## YOUR INSTRUCTIONS
Quote exactly and only this range of lines in the data below: the line that holds "#99=IFCRELAGGREGATES('0000000000000000000008',$,$,$,#16,(#11));" to the line that holds "END-ISO-10303-21;", both included.

Start of Block

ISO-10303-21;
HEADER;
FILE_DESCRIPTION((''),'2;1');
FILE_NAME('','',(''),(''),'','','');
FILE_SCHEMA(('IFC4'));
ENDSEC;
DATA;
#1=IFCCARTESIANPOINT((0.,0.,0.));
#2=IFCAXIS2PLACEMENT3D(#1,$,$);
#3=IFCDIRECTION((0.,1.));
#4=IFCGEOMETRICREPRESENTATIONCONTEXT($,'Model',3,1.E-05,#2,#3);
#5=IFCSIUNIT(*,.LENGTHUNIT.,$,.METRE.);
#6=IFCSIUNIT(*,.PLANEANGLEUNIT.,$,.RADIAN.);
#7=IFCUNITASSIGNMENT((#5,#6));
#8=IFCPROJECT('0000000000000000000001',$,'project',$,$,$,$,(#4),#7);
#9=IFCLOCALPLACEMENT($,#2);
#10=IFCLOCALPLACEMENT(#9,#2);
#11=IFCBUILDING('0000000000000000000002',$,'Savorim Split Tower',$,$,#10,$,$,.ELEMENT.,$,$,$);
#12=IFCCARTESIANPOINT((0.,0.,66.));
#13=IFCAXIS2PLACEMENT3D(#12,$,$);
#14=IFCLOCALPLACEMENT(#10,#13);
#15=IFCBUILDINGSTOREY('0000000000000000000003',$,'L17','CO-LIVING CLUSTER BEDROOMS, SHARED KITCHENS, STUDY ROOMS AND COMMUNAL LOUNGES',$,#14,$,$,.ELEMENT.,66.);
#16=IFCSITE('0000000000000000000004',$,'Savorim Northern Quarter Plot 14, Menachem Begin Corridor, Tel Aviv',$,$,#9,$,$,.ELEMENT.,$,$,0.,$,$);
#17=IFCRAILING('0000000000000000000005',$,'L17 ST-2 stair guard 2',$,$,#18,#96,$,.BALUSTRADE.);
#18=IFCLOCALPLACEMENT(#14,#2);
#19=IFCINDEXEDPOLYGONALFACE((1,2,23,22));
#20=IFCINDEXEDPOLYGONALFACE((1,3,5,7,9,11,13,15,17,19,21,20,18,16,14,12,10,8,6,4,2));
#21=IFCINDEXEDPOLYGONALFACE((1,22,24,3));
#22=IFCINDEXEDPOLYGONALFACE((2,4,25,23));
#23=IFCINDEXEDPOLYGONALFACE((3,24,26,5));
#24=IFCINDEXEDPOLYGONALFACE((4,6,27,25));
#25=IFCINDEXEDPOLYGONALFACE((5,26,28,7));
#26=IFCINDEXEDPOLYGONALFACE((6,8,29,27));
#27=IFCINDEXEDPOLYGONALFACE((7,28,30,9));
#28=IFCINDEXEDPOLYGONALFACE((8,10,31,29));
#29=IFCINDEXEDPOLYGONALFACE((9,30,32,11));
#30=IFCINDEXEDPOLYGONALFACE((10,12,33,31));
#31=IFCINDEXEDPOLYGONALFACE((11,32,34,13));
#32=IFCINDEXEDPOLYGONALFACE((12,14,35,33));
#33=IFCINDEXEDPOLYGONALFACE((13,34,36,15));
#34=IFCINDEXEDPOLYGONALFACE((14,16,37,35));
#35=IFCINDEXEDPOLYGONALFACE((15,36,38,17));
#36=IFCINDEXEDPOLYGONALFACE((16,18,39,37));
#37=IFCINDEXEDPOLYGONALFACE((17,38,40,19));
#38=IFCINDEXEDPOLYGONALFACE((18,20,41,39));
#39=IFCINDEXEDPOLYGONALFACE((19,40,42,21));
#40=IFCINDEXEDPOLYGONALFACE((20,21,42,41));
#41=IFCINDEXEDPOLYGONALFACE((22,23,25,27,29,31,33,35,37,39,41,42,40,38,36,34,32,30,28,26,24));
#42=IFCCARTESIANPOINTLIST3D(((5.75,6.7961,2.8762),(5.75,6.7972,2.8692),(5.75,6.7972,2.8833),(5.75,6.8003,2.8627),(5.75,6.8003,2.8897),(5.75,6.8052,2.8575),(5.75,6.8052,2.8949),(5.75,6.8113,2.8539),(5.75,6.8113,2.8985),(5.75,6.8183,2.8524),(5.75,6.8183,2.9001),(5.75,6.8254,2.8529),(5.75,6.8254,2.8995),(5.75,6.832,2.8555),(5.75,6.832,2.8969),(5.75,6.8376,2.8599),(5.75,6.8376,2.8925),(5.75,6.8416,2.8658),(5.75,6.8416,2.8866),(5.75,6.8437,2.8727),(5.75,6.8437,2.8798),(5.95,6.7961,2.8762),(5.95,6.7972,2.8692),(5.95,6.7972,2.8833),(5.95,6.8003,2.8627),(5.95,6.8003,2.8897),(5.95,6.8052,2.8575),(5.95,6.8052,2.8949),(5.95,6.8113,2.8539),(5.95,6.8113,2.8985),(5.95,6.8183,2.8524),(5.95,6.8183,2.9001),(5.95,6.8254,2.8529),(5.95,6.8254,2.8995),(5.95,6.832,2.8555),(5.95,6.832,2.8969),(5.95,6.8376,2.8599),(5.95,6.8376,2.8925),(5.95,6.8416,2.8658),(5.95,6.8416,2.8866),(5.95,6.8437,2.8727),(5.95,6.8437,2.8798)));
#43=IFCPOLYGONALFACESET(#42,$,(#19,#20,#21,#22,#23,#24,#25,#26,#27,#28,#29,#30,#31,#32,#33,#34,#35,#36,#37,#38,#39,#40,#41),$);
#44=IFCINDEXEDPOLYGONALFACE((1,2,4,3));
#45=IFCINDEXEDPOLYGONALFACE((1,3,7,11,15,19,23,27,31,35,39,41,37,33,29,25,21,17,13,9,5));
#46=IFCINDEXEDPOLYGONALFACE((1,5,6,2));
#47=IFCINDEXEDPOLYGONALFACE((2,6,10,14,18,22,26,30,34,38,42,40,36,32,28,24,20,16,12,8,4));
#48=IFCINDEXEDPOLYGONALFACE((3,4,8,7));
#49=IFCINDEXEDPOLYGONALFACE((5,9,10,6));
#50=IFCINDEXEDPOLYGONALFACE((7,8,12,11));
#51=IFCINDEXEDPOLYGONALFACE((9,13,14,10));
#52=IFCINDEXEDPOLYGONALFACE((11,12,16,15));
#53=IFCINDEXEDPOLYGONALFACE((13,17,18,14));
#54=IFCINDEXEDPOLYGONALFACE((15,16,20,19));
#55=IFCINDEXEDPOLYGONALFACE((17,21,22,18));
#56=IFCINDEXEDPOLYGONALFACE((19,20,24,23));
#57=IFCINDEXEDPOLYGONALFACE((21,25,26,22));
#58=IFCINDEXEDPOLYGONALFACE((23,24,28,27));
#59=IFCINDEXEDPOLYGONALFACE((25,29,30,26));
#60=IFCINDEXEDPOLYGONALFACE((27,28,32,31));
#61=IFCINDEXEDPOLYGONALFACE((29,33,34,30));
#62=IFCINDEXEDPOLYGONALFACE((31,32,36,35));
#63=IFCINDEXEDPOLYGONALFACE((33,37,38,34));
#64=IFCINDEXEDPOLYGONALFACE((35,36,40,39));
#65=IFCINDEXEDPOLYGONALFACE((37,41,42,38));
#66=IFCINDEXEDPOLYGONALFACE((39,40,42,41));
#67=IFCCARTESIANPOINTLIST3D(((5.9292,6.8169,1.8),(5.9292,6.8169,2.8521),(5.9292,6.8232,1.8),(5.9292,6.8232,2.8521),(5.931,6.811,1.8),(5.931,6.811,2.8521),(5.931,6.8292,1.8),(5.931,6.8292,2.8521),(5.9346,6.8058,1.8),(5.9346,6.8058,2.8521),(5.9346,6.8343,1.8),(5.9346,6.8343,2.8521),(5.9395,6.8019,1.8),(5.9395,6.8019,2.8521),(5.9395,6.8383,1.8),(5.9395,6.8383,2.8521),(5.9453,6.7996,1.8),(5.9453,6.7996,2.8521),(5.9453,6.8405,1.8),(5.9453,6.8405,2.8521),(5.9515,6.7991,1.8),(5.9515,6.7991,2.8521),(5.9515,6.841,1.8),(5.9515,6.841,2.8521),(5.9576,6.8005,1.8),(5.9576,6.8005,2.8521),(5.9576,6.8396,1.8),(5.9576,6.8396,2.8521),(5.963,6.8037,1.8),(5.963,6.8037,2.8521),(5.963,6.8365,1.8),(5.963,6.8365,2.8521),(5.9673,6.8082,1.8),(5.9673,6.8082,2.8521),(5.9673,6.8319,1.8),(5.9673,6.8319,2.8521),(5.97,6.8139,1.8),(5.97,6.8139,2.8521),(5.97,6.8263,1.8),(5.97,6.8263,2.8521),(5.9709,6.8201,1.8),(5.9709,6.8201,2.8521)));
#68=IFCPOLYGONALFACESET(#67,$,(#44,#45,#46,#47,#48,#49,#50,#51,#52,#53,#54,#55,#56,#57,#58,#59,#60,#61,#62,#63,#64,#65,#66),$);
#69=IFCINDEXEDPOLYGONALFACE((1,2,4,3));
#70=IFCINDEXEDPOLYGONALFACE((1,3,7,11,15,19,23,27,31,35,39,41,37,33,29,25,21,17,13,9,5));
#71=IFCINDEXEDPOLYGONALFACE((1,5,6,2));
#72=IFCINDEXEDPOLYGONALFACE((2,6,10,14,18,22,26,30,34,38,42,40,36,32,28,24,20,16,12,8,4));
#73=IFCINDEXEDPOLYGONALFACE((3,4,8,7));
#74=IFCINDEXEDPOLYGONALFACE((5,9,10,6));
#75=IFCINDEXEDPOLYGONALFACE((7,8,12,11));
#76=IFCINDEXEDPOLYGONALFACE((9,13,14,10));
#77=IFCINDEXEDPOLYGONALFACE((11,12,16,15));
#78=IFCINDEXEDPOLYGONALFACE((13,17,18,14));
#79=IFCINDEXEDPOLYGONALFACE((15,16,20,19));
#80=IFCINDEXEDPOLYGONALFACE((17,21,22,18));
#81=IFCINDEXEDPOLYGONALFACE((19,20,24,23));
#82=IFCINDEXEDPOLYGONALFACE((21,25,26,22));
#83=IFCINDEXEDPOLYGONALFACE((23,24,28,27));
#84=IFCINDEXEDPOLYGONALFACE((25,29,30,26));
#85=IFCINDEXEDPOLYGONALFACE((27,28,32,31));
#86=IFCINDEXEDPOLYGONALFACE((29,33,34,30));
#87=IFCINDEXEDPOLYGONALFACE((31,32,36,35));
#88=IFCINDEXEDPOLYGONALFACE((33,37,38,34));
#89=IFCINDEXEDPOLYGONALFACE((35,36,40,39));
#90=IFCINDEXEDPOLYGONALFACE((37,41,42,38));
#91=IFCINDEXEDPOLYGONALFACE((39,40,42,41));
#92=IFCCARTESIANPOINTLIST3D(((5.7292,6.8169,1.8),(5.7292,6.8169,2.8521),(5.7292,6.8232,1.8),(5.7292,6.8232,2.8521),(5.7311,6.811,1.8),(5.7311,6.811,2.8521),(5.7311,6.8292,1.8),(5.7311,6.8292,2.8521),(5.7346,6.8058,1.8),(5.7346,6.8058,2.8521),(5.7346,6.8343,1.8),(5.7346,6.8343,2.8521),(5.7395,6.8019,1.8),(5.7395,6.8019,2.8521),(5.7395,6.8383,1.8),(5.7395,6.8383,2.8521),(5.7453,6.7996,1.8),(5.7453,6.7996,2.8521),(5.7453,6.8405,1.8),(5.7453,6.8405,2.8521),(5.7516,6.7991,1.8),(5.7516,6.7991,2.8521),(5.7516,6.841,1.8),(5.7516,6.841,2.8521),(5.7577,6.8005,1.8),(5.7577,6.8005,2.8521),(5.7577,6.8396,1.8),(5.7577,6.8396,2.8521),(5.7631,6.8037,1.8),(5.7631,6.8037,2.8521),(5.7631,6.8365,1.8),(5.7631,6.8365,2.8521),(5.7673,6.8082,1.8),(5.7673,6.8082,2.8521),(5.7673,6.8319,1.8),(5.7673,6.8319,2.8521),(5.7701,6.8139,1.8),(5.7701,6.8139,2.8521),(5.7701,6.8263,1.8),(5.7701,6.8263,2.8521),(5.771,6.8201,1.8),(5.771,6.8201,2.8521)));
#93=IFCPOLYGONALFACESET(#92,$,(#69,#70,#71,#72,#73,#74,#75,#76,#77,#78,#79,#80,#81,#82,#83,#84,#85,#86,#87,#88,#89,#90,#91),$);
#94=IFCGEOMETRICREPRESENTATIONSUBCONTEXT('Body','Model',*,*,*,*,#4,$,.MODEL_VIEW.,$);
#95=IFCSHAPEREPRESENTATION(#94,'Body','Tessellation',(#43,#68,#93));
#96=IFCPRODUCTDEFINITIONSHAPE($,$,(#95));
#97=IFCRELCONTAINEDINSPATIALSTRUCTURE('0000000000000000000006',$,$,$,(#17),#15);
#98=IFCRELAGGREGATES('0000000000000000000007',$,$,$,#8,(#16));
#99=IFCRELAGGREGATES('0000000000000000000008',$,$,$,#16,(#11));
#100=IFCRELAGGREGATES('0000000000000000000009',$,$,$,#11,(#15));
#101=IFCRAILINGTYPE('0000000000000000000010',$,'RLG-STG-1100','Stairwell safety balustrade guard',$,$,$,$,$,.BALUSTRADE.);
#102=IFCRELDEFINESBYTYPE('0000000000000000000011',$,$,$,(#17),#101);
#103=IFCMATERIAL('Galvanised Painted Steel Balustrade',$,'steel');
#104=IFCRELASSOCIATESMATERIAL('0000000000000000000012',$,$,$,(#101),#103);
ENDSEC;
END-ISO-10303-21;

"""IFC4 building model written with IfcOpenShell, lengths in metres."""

from ifc_helpers import new_model, si_unit, direction, frame, origin, origin_2d, place, context, subcontext, project, spatial, circle, extrude, material, type_object, element, save


model = new_model("IFC4")

# Units and contexts
model_context = context("Model", 3, precision=1e-05, world=origin(), true_north=direction((0.0, 1.0)))
body_context = subcontext(model_context, "Body", "Model", "MODEL_VIEW")
ifc_project = project(units=[si_unit("LENGTHUNIT", "METRE"), si_unit("PLANEANGLEUNIT", "RADIAN")], contexts=[model_context])

# Site, building, storey
site_placement = place(None, origin())
site = spatial("IfcSite", under=ifc_project, at=site_placement, Name="Savorim Northern Quarter Plot 14, Menachem Begin Corridor, Tel Aviv", CompositionType="ELEMENT", RefElevation=0.0)
building_placement = place(site_placement, origin())
building = spatial("IfcBuilding", under=site, at=building_placement, Name="Savorim Split Tower", CompositionType="ELEMENT")
storey_placement = place(building_placement, frame((0.0, 0.0, 66.0)))
storey = spatial("IfcBuildingStorey", under=building, at=storey_placement, Name="L17", Description="CO-LIVING CLUSTER BEDROOMS, SHARED KITCHENS, STUDY ROOMS AND COMMUNAL LOUNGES", CompositionType="ELEMENT", Elevation=66.0)

# Railing
ifc_material_1 = material(Name="Galvanised Painted Steel Balustrade", Category="steel")
railing_type_1 = type_object("IfcRailingType", Name="RLG-STG-1100", Description="Stairwell safety balustrade guard", PredefinedType="BALUSTRADE", material=ifc_material_1)
railing_1_placement = place(storey_placement, frame((5.95, 6.8201, 1.8)))
element("IfcRailing", 1, at=railing_1_placement, inside=storey, type_object=railing_type_1, Name="L17 ST-2 stair guard 2", PredefinedType="BALUSTRADE", context=body_context, shape_type="SweptSolid", body=[
    extrude(circle(Radius=0.0239, at=origin_2d()), frame((0.0, 0.0, 1.0762), z_axis=(-1.0, 0.0, 0.0), x_axis=(0.0, -1.0, 0.0)), (0.0, 0.0, 1.0), 0.2),
    extrude(circle(Radius=0.021, at=origin_2d()), origin(), (0.0, 0.0, 1.0), 1.052),
    extrude(circle(Radius=0.021, at=origin_2d()), frame((-0.2, 0.0, 0.0)), (0.0, 0.0, 1.0), 1.052),
])

save(model, "model.ifc")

End of Block

## RESULT
#99=IFCRELAGGREGATES('0000000000000000000008',$,$,$,#16,(#11));
#100=IFCRELAGGREGATES('0000000000000000000009',$,$,$,#11,(#15));
#101=IFCRAILINGTYPE('0000000000000000000010',$,'RLG-STG-1100','Stairwell safety balustrade guard',$,$,$,$,$,.BALUSTRADE.);
#102=IFCRELDEFINESBYTYPE('0000000000000000000011',$,$,$,(#17),#101);
#103=IFCMATERIAL('Galvanised Painted Steel Balustrade',$,'steel');
#104=IFCRELASSOCIATESMATERIAL('0000000000000000000012',$,$,$,(#101),#103);
ENDSEC;
END-ISO-10303-21;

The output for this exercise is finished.